WHAT YOU WILL DO |
For the listing that follows, give again exactly the lines from the one with "#6=IFCSIUNIT(*,.PLANEANGLEUNIT.,$,.RADIAN.);" to the one with "#33=IFCINDEXEDPOLYGONALFACE((1,3,7,5));", including both.

MATERIALS PROVIDED |
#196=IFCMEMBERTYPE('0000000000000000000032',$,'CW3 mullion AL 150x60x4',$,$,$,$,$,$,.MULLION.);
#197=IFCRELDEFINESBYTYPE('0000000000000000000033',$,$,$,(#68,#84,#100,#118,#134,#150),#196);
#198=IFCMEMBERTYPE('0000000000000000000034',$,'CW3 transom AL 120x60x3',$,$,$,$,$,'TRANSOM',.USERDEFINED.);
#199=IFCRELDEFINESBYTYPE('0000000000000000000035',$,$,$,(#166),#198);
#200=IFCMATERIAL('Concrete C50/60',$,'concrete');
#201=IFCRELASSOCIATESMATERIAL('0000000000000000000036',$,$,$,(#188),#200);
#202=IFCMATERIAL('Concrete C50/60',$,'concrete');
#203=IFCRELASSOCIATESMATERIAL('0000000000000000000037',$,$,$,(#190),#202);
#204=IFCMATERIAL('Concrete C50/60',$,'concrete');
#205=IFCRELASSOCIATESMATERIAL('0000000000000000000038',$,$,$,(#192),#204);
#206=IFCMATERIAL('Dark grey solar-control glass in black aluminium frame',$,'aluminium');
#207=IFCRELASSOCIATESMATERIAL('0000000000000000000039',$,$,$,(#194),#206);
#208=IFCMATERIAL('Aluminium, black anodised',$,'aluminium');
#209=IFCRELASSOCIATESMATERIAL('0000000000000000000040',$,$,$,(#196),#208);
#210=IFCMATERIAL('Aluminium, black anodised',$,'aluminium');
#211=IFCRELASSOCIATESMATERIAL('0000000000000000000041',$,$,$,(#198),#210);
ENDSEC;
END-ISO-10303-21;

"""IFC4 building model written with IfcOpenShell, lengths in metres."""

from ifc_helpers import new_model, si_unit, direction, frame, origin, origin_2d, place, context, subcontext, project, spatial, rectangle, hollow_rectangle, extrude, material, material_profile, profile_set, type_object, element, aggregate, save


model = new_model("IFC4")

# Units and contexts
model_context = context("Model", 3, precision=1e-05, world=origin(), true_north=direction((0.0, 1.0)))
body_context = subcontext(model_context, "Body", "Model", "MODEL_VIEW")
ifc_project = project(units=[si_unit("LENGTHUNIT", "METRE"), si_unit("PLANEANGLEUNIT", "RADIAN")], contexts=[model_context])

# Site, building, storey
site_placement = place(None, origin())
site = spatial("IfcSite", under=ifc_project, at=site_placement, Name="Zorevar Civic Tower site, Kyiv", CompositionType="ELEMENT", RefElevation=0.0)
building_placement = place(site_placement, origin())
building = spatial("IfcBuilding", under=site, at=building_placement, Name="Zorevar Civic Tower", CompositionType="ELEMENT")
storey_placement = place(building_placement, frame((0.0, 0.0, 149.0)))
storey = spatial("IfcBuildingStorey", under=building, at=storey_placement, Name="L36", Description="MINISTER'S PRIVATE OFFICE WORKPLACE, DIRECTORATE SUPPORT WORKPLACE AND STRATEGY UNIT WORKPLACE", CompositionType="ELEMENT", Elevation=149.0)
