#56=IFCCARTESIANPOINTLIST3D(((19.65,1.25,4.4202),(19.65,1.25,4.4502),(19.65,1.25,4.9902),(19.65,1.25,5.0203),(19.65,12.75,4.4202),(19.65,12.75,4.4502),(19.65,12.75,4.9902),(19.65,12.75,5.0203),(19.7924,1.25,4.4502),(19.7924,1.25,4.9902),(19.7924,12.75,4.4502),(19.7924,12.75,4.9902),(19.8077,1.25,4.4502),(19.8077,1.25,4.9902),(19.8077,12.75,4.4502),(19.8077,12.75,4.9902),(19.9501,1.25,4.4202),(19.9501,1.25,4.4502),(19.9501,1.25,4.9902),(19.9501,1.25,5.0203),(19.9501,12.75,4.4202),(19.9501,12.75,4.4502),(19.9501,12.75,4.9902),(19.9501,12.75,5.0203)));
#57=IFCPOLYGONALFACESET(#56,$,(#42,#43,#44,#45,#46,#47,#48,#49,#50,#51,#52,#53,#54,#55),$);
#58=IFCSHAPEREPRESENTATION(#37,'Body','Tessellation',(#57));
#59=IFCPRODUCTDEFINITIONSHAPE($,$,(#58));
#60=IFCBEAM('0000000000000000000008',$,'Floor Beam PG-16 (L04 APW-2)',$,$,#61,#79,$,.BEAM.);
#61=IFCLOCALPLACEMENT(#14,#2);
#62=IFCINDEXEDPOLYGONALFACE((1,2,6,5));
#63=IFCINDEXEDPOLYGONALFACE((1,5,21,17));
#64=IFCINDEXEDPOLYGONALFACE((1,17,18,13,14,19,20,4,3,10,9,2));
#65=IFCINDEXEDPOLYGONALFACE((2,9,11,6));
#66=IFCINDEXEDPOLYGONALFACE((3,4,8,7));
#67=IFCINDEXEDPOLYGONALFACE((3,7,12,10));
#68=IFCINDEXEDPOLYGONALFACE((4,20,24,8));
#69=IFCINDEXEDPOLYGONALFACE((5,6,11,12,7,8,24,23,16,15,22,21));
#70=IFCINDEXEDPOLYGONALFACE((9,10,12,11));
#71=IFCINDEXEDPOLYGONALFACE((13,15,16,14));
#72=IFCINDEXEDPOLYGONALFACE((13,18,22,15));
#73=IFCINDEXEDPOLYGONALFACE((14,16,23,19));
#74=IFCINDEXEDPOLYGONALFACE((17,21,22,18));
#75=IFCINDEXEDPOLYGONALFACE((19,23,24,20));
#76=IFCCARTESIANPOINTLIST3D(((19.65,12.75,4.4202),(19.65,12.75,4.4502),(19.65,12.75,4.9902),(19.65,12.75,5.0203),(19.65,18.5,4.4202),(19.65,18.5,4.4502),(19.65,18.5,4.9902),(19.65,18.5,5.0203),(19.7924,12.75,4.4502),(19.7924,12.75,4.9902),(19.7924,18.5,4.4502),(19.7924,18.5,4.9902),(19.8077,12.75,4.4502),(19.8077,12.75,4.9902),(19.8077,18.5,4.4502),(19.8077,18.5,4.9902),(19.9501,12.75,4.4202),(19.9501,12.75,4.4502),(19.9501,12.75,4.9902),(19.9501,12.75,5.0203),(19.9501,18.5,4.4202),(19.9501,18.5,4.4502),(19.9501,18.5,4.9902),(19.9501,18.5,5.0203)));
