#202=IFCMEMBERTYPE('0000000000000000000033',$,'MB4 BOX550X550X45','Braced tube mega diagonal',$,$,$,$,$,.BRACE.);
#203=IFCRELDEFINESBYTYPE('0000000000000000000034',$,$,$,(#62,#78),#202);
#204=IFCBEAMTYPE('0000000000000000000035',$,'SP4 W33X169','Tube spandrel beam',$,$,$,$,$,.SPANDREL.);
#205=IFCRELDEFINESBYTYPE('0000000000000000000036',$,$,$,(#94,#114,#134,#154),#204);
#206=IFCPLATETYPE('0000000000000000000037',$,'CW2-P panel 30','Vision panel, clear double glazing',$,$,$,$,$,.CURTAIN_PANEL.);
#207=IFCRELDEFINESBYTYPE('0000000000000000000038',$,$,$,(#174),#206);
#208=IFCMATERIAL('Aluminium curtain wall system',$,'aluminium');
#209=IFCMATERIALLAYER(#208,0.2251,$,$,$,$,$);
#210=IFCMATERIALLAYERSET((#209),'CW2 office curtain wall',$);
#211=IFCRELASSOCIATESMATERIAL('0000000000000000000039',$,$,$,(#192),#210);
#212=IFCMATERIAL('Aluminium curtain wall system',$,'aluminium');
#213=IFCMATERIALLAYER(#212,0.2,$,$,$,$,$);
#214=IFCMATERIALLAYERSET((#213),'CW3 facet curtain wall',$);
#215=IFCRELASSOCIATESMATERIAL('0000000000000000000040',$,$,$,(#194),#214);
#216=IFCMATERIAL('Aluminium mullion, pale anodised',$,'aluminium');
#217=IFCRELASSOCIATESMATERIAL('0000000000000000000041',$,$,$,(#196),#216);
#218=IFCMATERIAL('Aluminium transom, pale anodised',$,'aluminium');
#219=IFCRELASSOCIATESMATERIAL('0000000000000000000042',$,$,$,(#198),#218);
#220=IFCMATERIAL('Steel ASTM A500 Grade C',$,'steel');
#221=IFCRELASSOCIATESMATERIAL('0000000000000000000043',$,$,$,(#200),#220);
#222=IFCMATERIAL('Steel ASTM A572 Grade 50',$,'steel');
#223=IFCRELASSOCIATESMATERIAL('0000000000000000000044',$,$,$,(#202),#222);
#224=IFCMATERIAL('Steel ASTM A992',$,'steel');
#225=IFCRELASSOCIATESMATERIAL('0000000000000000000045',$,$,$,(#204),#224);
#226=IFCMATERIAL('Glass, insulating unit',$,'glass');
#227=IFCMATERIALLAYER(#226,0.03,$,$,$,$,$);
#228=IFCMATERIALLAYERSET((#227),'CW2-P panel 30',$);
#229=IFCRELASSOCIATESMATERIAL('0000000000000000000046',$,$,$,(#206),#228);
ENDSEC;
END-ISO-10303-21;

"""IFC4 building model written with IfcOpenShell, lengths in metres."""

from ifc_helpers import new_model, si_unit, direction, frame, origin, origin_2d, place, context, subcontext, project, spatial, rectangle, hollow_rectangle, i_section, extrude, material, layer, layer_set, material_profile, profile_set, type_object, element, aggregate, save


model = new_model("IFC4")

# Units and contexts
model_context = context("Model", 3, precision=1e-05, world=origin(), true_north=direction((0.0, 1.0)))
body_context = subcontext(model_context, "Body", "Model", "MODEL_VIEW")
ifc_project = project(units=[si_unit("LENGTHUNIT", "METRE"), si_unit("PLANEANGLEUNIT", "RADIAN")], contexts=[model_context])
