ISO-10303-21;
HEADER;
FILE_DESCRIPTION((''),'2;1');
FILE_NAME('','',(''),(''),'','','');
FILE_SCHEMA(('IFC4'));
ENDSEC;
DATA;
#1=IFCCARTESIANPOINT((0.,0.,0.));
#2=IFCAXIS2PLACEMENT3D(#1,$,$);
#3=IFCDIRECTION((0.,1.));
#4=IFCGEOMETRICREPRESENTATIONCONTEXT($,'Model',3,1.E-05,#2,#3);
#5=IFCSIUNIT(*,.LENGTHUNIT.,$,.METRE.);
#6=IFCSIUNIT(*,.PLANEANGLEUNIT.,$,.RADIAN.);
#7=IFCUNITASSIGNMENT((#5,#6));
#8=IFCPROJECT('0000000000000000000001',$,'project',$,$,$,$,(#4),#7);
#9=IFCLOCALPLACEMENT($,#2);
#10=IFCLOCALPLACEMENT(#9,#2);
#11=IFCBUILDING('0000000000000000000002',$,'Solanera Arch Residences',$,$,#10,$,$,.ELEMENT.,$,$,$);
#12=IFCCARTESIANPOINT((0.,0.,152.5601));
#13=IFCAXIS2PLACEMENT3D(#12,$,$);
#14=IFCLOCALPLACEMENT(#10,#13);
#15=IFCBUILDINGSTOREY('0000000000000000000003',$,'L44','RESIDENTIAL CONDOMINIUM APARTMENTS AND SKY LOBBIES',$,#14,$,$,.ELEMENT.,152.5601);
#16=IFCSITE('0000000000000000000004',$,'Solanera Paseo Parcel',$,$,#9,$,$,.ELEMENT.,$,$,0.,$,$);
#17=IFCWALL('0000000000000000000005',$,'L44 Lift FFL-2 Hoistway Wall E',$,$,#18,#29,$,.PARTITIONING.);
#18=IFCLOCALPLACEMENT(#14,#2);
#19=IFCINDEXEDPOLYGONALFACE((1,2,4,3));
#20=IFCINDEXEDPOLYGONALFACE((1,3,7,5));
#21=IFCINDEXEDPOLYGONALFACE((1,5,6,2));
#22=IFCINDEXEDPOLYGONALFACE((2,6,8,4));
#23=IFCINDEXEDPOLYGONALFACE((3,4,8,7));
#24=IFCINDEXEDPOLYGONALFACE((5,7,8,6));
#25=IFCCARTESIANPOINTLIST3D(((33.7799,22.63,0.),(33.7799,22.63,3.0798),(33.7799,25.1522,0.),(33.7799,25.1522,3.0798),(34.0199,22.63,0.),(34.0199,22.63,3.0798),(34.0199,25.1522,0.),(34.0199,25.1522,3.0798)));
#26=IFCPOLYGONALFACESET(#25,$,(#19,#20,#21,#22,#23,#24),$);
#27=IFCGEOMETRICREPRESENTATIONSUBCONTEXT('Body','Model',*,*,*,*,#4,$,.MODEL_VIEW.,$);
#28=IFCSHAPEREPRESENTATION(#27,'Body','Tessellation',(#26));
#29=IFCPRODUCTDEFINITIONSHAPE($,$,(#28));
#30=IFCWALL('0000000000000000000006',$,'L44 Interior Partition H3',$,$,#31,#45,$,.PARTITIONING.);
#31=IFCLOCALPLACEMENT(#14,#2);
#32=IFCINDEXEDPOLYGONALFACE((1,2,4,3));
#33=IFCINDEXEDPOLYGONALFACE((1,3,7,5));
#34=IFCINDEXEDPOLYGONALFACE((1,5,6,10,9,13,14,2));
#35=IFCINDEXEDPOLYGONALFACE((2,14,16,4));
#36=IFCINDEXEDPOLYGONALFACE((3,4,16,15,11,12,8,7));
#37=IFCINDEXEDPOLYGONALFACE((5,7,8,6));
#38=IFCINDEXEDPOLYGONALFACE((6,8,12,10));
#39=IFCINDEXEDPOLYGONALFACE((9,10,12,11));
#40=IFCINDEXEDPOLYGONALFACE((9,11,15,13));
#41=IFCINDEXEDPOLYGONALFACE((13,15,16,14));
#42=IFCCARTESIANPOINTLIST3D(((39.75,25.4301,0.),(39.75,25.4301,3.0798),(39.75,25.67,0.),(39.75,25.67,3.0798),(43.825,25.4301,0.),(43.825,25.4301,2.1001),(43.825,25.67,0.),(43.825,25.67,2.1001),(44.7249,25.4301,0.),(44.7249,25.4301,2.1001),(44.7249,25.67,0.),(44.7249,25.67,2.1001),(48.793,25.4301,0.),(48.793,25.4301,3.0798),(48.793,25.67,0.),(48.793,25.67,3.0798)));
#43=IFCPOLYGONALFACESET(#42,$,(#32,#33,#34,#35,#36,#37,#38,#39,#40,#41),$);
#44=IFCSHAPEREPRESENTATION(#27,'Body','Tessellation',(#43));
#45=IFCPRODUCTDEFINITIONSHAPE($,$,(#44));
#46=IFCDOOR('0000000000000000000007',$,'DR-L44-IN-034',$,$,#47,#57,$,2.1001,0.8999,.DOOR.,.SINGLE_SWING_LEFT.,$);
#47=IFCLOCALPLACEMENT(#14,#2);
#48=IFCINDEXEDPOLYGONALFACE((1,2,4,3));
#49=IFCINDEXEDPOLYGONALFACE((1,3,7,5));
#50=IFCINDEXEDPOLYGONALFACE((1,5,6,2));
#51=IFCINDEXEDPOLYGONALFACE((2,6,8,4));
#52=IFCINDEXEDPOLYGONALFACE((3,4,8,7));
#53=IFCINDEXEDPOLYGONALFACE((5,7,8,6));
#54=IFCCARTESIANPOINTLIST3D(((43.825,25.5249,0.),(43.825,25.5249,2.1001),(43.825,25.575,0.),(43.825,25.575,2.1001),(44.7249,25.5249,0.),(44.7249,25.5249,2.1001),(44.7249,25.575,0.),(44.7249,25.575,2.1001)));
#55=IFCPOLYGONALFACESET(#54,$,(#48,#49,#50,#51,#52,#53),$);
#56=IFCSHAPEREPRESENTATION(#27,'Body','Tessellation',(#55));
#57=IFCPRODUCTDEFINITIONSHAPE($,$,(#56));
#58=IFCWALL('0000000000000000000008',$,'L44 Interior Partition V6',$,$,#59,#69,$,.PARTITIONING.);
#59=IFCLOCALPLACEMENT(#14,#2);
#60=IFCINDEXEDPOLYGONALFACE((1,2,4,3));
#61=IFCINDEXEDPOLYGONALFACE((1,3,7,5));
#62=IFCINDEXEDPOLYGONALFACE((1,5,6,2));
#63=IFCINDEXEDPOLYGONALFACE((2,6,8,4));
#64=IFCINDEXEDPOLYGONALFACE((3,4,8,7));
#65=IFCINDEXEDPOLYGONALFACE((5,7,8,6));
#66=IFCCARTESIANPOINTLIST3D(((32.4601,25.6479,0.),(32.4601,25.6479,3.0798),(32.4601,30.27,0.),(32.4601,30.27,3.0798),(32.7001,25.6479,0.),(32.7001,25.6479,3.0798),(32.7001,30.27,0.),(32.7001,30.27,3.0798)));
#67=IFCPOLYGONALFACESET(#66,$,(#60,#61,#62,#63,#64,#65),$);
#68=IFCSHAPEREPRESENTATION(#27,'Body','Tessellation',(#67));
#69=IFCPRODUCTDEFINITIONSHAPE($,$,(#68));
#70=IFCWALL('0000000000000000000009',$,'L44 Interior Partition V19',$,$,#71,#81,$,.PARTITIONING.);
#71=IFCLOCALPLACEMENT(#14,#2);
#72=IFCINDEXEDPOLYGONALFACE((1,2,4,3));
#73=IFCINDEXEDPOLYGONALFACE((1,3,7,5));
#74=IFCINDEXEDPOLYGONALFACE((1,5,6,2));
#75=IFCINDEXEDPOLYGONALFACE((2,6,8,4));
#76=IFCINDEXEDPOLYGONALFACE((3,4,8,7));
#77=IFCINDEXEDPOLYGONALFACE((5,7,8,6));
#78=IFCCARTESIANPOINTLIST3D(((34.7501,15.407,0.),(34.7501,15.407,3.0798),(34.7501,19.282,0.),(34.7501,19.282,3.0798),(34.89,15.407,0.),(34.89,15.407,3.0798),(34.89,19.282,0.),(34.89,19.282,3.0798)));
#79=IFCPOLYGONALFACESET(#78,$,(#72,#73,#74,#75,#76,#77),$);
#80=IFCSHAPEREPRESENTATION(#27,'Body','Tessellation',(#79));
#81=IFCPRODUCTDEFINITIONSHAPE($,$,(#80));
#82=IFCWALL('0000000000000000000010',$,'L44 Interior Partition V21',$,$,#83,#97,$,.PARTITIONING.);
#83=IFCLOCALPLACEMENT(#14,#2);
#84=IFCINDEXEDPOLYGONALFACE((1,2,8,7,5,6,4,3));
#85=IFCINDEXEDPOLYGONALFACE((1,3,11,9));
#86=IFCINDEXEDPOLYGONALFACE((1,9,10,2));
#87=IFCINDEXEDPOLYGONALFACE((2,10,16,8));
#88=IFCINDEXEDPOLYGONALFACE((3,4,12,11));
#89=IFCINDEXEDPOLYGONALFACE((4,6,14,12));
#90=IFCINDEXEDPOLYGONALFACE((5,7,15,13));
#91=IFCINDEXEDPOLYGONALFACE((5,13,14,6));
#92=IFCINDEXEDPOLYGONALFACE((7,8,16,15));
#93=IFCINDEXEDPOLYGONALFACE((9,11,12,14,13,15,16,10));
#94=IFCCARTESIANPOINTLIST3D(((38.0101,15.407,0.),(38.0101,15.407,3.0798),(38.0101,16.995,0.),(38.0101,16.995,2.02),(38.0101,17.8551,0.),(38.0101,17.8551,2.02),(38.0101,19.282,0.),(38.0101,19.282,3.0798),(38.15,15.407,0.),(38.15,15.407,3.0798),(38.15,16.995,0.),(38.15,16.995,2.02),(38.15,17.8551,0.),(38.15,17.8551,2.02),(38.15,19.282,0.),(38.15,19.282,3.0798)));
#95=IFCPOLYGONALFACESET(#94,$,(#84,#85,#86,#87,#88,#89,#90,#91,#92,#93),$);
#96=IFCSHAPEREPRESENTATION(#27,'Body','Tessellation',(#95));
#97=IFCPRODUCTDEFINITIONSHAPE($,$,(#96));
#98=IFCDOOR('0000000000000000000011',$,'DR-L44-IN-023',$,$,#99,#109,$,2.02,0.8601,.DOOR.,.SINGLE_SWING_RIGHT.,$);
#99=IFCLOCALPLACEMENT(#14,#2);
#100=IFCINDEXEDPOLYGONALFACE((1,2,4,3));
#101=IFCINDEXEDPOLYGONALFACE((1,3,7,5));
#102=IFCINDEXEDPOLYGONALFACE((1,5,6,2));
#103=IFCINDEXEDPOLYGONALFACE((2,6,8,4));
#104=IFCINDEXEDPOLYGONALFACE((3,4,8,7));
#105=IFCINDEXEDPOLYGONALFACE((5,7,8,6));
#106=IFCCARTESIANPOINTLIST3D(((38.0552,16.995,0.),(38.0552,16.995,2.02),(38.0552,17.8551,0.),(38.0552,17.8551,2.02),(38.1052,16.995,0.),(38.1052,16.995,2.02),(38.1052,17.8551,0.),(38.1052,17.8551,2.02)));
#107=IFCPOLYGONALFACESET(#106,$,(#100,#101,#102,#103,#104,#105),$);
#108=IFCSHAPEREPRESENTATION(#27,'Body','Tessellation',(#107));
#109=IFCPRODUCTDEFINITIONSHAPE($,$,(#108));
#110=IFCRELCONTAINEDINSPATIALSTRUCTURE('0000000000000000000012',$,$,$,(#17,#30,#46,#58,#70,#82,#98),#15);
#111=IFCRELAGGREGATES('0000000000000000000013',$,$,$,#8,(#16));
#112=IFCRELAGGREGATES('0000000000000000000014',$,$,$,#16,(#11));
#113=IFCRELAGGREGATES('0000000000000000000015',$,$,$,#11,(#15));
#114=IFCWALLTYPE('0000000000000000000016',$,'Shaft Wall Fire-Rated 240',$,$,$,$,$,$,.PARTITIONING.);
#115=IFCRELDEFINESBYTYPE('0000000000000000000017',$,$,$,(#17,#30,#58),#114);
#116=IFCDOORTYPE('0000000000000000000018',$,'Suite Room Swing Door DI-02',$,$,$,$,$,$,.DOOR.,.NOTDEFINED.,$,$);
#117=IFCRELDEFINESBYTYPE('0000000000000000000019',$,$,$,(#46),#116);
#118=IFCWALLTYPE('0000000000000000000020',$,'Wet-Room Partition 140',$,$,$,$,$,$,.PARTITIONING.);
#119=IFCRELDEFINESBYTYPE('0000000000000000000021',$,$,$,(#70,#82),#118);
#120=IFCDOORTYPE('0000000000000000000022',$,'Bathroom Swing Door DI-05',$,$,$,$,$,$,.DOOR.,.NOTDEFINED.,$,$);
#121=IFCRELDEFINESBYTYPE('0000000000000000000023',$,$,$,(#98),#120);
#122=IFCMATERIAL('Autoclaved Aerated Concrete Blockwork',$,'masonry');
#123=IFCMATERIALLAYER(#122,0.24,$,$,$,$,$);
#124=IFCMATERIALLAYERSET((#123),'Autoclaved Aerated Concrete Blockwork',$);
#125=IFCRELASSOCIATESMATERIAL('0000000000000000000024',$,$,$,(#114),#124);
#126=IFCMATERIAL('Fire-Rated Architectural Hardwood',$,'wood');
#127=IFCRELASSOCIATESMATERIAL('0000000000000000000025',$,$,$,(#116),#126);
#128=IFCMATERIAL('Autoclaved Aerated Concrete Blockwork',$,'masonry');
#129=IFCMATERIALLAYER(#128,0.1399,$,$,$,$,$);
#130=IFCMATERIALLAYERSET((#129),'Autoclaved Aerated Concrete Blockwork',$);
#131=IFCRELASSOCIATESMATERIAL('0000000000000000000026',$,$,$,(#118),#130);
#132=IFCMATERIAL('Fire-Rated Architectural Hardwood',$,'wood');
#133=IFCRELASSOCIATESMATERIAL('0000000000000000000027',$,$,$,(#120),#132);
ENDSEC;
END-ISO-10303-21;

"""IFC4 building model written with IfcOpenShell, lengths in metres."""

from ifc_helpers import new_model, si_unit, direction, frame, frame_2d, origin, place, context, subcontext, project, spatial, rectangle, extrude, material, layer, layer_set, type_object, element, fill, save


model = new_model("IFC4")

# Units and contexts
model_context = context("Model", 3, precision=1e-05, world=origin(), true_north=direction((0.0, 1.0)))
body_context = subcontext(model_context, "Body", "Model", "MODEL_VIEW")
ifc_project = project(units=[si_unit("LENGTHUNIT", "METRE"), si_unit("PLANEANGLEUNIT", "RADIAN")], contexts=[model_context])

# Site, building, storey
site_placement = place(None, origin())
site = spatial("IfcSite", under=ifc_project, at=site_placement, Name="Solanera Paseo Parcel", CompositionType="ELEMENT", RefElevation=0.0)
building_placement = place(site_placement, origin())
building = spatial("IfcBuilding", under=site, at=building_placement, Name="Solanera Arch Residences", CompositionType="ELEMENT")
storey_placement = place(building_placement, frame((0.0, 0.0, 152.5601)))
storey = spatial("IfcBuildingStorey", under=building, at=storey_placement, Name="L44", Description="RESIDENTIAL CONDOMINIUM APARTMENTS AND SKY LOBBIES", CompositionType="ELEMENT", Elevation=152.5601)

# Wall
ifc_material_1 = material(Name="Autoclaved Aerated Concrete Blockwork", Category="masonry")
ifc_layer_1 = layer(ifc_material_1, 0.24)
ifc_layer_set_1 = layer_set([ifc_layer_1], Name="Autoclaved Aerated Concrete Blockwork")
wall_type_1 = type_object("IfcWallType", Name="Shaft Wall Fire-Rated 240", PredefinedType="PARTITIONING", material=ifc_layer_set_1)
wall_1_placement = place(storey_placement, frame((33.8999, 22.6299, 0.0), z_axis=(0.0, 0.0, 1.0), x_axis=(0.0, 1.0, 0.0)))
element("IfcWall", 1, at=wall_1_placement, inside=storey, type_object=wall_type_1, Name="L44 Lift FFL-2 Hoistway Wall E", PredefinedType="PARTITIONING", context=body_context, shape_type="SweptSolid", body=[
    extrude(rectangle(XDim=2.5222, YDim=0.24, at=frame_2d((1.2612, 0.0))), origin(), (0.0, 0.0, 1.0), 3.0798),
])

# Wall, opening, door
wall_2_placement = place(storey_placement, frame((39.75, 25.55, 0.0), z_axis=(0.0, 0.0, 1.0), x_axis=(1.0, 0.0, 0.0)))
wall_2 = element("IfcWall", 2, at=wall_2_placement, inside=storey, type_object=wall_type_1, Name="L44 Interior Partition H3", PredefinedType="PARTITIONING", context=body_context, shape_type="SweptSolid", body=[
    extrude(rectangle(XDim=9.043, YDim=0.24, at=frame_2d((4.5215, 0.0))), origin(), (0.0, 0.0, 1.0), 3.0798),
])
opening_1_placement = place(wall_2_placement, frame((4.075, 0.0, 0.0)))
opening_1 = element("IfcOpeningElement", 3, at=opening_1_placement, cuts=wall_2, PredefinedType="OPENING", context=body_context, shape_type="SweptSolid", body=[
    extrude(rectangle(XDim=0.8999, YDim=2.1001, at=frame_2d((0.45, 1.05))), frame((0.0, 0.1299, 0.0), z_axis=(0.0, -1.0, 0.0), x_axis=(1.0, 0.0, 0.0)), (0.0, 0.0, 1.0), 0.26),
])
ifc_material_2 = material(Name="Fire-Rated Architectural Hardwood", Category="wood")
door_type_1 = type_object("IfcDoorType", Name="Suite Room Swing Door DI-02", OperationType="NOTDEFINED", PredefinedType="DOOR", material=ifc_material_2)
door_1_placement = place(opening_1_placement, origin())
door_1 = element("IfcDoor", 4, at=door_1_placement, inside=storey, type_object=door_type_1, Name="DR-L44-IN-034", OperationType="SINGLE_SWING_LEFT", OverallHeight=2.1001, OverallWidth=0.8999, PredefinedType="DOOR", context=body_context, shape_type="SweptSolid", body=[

COMPLETED TASK |
#6=IFCSIUNIT(*,.PLANEANGLEUNIT.,$,.RADIAN.);
#7=IFCUNITASSIGNMENT((#5,#6));
#8=IFCPROJECT('0000000000000000000001',$,'project',$,$,$,$,(#4),#7);
#9=IFCLOCALPLACEMENT($,#2);
#10=IFCLOCALPLACEMENT(#9,#2);
#11=IFCBUILDING('0000000000000000000002',$,'Solanera Arch Residences',$,$,#10,$,$,.ELEMENT.,$,$,$);
#12=IFCCARTESIANPOINT((0.,0.,152.5601));
#13=IFCAXIS2PLACEMENT3D(#12,$,$);
#14=IFCLOCALPLACEMENT(#10,#13);
#15=IFCBUILDINGSTOREY('0000000000000000000003',$,'L44','RESIDENTIAL CONDOMINIUM APARTMENTS AND SKY LOBBIES',$,#14,$,$,.ELEMENT.,152.5601);
#16=IFCSITE('0000000000000000000004',$,'Solanera Paseo Parcel',$,$,#9,$,$,.ELEMENT.,$,$,0.,$,$);
#17=IFCWALL('0000000000000000000005',$,'L44 Lift FFL-2 Hoistway Wall E',$,$,#18,#29,$,.PARTITIONING.);
#18=IFCLOCALPLACEMENT(#14,#2);
#19=IFCINDEXEDPOLYGONALFACE((1,2,4,3));
#20=IFCINDEXEDPOLYGONALFACE((1,3,7,5));
#21=IFCINDEXEDPOLYGONALFACE((1,5,6,2));
#22=IFCINDEXEDPOLYGONALFACE((2,6,8,4));
#23=IFCINDEXEDPOLYGONALFACE((3,4,8,7));
#24=IFCINDEXEDPOLYGONALFACE((5,7,8,6));
#25=IFCCARTESIANPOINTLIST3D(((33.7799,22.63,0.),(33.7799,22.63,3.0798),(33.7799,25.1522,0.),(33.7799,25.1522,3.0798),(34.0199,22.63,0.),(34.0199,22.63,3.0798),(34.0199,25.1522,0.),(34.0199,25.1522,3.0798)));
#26=IFCPOLYGONALFACESET(#25,$,(#19,#20,#21,#22,#23,#24),$);
#27=IFCGEOMETRICREPRESENTATIONSUBCONTEXT('Body','Model',*,*,*,*,#4,$,.MODEL_VIEW.,$);
#28=IFCSHAPEREPRESENTATION(#27,'Body','Tessellation',(#26));
#29=IFCPRODUCTDEFINITIONSHAPE($,$,(#28));
#30=IFCWALL('0000000000000000000006',$,'L44 Interior Partition H3',$,$,#31,#45,$,.PARTITIONING.);
#31=IFCLOCALPLACEMENT(#14,#2);
#32=IFCINDEXEDPOLYGONALFACE((1,2,4,3));
#33=IFCINDEXEDPOLYGONALFACE((1,3,7,5));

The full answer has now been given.